[Opening Data provided section]
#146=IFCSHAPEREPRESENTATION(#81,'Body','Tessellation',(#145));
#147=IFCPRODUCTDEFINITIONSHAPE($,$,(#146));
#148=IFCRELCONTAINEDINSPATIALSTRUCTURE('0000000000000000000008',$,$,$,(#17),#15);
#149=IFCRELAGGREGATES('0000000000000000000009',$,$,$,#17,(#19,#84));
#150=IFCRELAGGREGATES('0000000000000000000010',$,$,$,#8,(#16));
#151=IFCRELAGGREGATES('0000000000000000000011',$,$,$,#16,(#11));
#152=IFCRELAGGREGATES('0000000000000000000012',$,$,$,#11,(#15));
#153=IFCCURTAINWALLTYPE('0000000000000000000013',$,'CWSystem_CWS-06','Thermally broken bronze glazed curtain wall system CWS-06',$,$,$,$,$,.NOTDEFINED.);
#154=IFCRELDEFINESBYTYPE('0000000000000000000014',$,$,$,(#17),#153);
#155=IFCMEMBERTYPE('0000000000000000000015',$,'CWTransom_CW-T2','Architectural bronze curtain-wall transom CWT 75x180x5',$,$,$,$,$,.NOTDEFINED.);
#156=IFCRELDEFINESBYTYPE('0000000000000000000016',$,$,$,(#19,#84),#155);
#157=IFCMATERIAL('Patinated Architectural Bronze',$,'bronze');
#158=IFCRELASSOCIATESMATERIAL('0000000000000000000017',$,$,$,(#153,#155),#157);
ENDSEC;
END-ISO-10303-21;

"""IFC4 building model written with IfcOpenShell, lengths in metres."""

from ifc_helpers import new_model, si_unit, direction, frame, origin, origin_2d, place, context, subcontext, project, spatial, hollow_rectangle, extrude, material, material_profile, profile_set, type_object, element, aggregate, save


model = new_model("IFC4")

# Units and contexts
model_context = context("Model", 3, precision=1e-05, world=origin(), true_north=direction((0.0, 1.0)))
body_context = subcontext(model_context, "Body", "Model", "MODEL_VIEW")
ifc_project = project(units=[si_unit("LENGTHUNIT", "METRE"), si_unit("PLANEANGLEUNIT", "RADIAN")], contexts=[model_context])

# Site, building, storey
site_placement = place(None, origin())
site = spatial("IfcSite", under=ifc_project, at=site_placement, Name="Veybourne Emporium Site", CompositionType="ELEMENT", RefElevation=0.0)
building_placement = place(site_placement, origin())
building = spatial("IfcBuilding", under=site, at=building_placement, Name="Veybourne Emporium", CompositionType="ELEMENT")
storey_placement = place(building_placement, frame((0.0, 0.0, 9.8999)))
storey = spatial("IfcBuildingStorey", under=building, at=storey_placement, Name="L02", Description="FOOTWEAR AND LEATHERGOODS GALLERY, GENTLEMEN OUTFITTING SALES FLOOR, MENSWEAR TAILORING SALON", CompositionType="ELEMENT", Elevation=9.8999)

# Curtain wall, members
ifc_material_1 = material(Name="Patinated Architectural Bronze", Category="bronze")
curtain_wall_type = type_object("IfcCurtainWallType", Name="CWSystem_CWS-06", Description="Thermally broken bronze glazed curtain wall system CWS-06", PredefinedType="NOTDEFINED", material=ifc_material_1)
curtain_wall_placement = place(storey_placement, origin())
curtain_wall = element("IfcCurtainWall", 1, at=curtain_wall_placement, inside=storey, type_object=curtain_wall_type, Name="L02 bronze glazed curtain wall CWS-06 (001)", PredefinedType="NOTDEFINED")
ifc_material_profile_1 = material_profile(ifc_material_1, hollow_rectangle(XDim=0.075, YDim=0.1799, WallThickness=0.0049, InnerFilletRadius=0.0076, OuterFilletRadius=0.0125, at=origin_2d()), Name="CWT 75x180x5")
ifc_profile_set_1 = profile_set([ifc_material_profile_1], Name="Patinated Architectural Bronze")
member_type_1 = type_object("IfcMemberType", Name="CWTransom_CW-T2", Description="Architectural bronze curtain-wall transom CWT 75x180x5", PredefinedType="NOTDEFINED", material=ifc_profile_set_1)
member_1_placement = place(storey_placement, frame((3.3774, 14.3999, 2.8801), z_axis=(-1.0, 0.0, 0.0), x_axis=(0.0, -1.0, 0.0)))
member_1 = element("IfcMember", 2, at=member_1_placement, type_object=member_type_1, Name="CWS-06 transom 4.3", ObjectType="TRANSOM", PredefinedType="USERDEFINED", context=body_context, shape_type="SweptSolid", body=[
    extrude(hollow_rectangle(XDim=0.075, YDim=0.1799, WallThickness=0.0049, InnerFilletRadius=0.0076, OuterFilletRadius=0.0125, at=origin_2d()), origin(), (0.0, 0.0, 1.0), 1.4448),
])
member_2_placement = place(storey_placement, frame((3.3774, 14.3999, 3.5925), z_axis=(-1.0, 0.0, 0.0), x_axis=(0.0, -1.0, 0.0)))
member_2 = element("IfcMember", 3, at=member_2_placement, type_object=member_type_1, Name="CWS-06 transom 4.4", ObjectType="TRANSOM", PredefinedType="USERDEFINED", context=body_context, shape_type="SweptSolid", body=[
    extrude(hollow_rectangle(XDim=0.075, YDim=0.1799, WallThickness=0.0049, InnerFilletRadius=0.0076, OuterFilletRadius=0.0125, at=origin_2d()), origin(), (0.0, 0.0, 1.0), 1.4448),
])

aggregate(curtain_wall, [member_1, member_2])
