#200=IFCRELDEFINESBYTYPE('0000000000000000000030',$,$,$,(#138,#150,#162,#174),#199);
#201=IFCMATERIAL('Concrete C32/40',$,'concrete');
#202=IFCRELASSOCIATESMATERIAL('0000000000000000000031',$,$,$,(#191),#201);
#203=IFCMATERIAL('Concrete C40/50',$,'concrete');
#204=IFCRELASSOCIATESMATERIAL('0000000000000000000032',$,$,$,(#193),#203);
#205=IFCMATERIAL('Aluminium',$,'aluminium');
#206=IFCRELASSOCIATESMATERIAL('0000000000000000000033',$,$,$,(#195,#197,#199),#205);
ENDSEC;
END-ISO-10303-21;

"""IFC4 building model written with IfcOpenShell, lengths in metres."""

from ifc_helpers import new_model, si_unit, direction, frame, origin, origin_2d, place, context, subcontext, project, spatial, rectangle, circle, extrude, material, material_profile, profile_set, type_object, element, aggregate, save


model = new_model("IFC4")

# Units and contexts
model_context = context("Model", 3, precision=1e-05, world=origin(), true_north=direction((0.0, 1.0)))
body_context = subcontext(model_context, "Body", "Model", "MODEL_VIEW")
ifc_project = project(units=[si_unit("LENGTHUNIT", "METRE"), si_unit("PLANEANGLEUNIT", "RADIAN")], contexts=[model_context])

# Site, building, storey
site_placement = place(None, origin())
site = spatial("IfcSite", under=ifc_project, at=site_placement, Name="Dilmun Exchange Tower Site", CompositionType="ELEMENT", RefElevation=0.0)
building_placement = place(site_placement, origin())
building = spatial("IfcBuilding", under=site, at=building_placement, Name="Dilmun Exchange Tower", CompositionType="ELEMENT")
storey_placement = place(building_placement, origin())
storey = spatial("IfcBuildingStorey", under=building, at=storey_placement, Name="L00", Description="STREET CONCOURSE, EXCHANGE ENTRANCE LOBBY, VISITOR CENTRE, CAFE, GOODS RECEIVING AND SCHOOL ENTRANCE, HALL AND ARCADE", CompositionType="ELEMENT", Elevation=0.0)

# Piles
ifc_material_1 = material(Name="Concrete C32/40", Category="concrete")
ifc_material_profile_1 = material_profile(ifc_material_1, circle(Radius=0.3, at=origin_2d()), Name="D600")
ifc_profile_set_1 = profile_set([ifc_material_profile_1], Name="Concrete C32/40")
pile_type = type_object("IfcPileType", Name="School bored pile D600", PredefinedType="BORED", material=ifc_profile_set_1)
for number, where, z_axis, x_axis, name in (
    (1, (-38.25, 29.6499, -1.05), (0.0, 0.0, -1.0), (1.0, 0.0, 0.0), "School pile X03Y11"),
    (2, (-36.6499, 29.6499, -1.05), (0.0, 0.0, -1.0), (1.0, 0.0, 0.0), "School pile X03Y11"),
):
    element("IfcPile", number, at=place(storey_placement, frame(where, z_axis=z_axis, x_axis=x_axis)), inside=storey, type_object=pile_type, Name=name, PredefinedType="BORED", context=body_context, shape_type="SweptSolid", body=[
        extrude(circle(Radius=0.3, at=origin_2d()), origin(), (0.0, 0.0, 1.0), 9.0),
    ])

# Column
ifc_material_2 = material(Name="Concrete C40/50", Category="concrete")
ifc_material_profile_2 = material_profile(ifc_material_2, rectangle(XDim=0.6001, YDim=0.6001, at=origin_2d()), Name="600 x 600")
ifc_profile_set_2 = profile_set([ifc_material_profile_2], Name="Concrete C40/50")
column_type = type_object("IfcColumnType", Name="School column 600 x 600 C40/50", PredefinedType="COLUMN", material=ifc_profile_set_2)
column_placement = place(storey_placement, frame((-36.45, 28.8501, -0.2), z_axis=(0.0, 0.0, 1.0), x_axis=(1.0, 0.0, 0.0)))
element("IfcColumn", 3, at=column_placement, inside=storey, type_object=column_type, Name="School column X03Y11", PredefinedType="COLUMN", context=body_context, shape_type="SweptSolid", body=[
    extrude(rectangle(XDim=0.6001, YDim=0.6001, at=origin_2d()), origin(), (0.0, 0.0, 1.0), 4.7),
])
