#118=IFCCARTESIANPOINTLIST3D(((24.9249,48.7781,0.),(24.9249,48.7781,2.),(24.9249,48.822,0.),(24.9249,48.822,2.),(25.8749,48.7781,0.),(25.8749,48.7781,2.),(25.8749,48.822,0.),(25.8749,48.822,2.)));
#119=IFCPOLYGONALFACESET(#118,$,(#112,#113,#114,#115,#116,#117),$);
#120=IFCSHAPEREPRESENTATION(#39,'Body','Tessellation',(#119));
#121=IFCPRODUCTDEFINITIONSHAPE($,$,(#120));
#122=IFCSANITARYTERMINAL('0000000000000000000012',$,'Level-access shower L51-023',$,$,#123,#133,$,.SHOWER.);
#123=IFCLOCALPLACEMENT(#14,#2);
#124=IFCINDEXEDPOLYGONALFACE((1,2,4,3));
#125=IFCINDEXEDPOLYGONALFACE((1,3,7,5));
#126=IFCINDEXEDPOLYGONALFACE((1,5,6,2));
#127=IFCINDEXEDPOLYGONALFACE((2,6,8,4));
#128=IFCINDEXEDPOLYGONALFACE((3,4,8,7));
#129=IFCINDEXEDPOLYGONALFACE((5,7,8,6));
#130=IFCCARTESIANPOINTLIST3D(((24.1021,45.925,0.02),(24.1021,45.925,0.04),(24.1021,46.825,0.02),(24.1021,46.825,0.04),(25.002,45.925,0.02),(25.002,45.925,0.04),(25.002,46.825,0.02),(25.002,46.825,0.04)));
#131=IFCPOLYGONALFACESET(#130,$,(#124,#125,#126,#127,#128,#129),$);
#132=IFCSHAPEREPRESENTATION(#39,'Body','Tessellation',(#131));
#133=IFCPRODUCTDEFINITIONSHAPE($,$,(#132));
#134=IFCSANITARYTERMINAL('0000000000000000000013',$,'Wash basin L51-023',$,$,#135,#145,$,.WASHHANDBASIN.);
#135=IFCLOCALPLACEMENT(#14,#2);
[Closing Data provided section]
## Task objective
Write out exactly the lines above from the line with "3.5925), z_axis=(-1.0, 0.0, 0.0), x_axis=(0.0, -1.0, 0.0)))" through the line with "#203=IFCMATERIAL('Concrete C40/50',$,'concrete');", both of them included, and leave out all other lines.

## Task result
member_2_placement = place(storey_placement, frame((3.3774, 14.3999, 3.5925), z_axis=(-1.0, 0.0, 0.0), x_axis=(0.0, -1.0, 0.0)))
member_2 = element("IfcMember", 3, at=member_2_placement, type_object=member_type_1, Name="CWS-06 transom 4.4", ObjectType="TRANSOM", PredefinedType="USERDEFINED", context=body_context, shape_type="SweptSolid", body=[
    extrude(hollow_rectangle(XDim=0.075, YDim=0.1799, WallThickness=0.0049, InnerFilletRadius=0.0076, OuterFilletRadius=0.0125, at=origin_2d()), origin(), (0.0, 0.0, 1.0), 1.4448),
])

aggregate(curtain_wall, [member_1, member_2])
#200=IFCRELDEFINESBYTYPE('0000000000000000000030',$,$,$,(#138,#150,#162,#174),#199);
#201=IFCMATERIAL('Concrete C32/40',$,'concrete');
#202=IFCRELASSOCIATESMATERIAL('0000000000000000000031',$,$,$,(#191),#201);
#203=IFCMATERIAL('Concrete C40/50',$,'concrete');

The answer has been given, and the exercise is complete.